▼▼▼
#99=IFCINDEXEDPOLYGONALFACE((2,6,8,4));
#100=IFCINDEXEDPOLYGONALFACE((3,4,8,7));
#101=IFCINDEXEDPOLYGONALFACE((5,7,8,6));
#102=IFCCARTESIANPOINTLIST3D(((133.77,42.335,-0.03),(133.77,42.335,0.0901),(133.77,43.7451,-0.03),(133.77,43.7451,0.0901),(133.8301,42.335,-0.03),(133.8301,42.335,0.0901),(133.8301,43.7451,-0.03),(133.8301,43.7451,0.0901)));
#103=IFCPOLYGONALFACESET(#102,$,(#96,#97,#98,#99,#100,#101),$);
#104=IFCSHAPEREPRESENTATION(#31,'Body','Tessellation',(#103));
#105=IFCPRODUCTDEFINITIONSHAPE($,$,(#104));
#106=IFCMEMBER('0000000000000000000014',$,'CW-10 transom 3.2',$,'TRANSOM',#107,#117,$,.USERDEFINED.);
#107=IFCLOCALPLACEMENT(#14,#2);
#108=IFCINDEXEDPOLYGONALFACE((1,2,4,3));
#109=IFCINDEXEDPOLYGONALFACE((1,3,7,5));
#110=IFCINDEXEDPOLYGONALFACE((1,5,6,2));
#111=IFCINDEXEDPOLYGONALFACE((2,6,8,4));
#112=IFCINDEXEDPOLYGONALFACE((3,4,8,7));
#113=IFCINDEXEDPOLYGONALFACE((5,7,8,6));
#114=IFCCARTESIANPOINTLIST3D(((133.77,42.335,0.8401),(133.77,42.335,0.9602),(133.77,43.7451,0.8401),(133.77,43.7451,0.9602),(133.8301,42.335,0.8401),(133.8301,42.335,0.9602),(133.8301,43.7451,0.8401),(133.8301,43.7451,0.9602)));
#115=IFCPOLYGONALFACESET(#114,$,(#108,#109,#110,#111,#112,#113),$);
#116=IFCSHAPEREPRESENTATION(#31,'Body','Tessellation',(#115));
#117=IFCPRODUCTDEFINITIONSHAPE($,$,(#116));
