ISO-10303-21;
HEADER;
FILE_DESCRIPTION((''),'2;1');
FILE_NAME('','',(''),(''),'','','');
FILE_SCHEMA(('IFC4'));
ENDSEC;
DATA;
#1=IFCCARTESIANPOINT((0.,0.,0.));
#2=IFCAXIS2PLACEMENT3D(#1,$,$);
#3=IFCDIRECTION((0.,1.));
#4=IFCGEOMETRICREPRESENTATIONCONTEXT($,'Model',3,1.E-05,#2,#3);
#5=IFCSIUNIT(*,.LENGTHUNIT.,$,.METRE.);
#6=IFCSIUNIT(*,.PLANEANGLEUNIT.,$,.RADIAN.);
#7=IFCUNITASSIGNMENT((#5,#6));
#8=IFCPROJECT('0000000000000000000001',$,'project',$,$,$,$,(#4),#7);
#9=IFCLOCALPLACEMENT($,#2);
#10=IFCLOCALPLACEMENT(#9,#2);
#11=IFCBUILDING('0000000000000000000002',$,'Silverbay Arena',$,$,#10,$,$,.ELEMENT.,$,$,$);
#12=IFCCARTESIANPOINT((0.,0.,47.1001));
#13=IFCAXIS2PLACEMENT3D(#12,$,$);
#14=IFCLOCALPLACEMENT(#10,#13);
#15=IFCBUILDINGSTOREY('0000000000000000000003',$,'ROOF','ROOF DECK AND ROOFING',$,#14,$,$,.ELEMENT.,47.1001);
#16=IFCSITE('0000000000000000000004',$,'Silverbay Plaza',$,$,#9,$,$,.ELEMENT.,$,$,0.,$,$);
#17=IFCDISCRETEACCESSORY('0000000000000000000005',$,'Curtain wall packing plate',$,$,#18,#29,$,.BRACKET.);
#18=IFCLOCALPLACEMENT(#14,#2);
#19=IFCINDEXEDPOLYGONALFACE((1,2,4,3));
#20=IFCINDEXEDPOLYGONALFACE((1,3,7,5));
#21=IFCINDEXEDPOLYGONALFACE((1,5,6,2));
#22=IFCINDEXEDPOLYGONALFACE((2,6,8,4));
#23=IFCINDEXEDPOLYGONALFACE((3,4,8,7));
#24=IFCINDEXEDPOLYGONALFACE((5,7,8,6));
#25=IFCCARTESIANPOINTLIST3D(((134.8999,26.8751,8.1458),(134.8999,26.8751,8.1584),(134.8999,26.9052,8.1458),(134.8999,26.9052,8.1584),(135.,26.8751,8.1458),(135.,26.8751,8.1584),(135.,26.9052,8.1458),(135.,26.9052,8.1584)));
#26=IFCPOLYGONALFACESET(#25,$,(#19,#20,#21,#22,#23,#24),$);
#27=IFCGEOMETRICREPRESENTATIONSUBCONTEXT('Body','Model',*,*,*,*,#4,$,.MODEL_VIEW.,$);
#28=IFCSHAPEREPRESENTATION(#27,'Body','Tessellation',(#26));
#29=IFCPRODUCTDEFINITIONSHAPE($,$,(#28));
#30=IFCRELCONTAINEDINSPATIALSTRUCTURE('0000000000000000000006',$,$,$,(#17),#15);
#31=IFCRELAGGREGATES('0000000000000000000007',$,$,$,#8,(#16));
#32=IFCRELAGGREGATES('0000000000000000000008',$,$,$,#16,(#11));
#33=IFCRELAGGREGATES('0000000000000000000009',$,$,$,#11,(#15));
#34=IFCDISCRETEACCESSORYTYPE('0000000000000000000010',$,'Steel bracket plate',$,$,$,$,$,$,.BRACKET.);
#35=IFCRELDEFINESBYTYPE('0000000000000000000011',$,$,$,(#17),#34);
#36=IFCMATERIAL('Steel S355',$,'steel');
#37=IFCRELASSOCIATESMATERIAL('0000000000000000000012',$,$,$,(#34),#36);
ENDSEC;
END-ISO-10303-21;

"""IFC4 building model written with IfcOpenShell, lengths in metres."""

from ifc_helpers import new_model, si_unit, direction, frame, origin, origin_2d, place, context, subcontext, project, spatial, rectangle, extrude, material, type_object, element, save


model = new_model("IFC4")

# Units and contexts
model_context = context("Model", 3, precision=1e-05, world=origin(), true_north=direction((0.0, 1.0)))
body_context = subcontext(model_context, "Body", "Model", "MODEL_VIEW")
ifc_project = project(units=[si_unit("LENGTHUNIT", "METRE"), si_unit("PLANEANGLEUNIT", "RADIAN")], contexts=[model_context])

# Site, building, storey
site_placement = place(None, origin())
site = spatial("IfcSite", under=ifc_project, at=site_placement, Name="Silverbay Plaza", CompositionType="ELEMENT", RefElevation=0.0)
building_placement = place(site_placement, origin())
building = spatial("IfcBuilding", under=site, at=building_placement, Name="Silverbay Arena", CompositionType="ELEMENT")
storey_placement = place(building_placement, frame((0.0, 0.0, 47.1001)))
storey = spatial("IfcBuildingStorey", under=building, at=storey_placement, Name="ROOF", Description="ROOF DECK AND ROOFING", CompositionType="ELEMENT", Elevation=47.1001)

# Discrete accessory
ifc_material_1 = material(Name="Steel S355", Category="steel")
discrete_accessory_type_1 = type_object("IfcDiscreteAccessoryType", Name="Steel bracket plate", PredefinedType="BRACKET", material=ifc_material_1)
for number, where, z_axis, x_axis, name in (
    (1, (134.95, 26.8901, 8.1458), (0.0, 0.0, 1.0), (1.0, 0.0, 0.0), "Curtain wall packing plate"),
):
    element("IfcDiscreteAccessory", number, at=place(storey_placement, frame(where, z_axis=z_axis, x_axis=x_axis)), inside=storey, type_object=discrete_accessory_type_1, Name=name, PredefinedType="BRACKET", context=body_context, shape_type="SweptSolid", body=[
        extrude(rectangle(XDim=0.1001, YDim=0.03, at=origin_2d()), origin(), (0.0, 0.0, 1.0), 0.0127),
    ])

save(model, "model.ifc")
▲▲▲
• _Task statement_
Your answer must consist solely of the lines from the top of the entries above through the line containing "#10=IFCLOCALPLACEMENT(#9,#2);", copied exactly, both ends included.

• _Task output_
#99=IFCINDEXEDPOLYGONALFACE((2,6,8,4));
#100=IFCINDEXEDPOLYGONALFACE((3,4,8,7));
#101=IFCINDEXEDPOLYGONALFACE((5,7,8,6));
#102=IFCCARTESIANPOINTLIST3D(((133.77,42.335,-0.03),(133.77,42.335,0.0901),(133.77,43.7451,-0.03),(133.77,43.7451,0.0901),(133.8301,42.335,-0.03),(133.8301,42.335,0.0901),(133.8301,43.7451,-0.03),(133.8301,43.7451,0.0901)));
#103=IFCPOLYGONALFACESET(#102,$,(#96,#97,#98,#99,#100,#101),$);
#104=IFCSHAPEREPRESENTATION(#31,'Body','Tessellation',(#103));
#105=IFCPRODUCTDEFINITIONSHAPE($,$,(#104));
#106=IFCMEMBER('0000000000000000000014',$,'CW-10 transom 3.2',$,'TRANSOM',#107,#117,$,.USERDEFINED.);
#107=IFCLOCALPLACEMENT(#14,#2);
#108=IFCINDEXEDPOLYGONALFACE((1,2,4,3));
#109=IFCINDEXEDPOLYGONALFACE((1,3,7,5));
#110=IFCINDEXEDPOLYGONALFACE((1,5,6,2));
#111=IFCINDEXEDPOLYGONALFACE((2,6,8,4));
#112=IFCINDEXEDPOLYGONALFACE((3,4,8,7));
#113=IFCINDEXEDPOLYGONALFACE((5,7,8,6));
#114=IFCCARTESIANPOINTLIST3D(((133.77,42.335,0.8401),(133.77,42.335,0.9602),(133.77,43.7451,0.8401),(133.77,43.7451,0.9602),(133.8301,42.335,0.8401),(133.8301,42.335,0.9602),(133.8301,43.7451,0.8401),(133.8301,43.7451,0.9602)));
#115=IFCPOLYGONALFACESET(#114,$,(#108,#109,#110,#111,#112,#113),$);
#116=IFCSHAPEREPRESENTATION(#31,'Body','Tessellation',(#115));
#117=IFCPRODUCTDEFINITIONSHAPE($,$,(#116));
ISO-10303-21;
HEADER;
FILE_DESCRIPTION((''),'2;1');
FILE_NAME('','',(''),(''),'','','');
FILE_SCHEMA(('IFC4'));
ENDSEC;
DATA;
#1=IFCCARTESIANPOINT((0.,0.,0.));
#2=IFCAXIS2PLACEMENT3D(#1,$,$);
#3=IFCDIRECTION((0.,1.));
#4=IFCGEOMETRICREPRESENTATIONCONTEXT($,'Model',3,1.E-05,#2,#3);
#5=IFCSIUNIT(*,.LENGTHUNIT.,$,.METRE.);
#6=IFCSIUNIT(*,.PLANEANGLEUNIT.,$,.RADIAN.);
#7=IFCUNITASSIGNMENT((#5,#6));
#8=IFCPROJECT('0000000000000000000001',$,'project',$,$,$,$,(#4),#7);
#9=IFCLOCALPLACEMENT($,#2);
#10=IFCLOCALPLACEMENT(#9,#2);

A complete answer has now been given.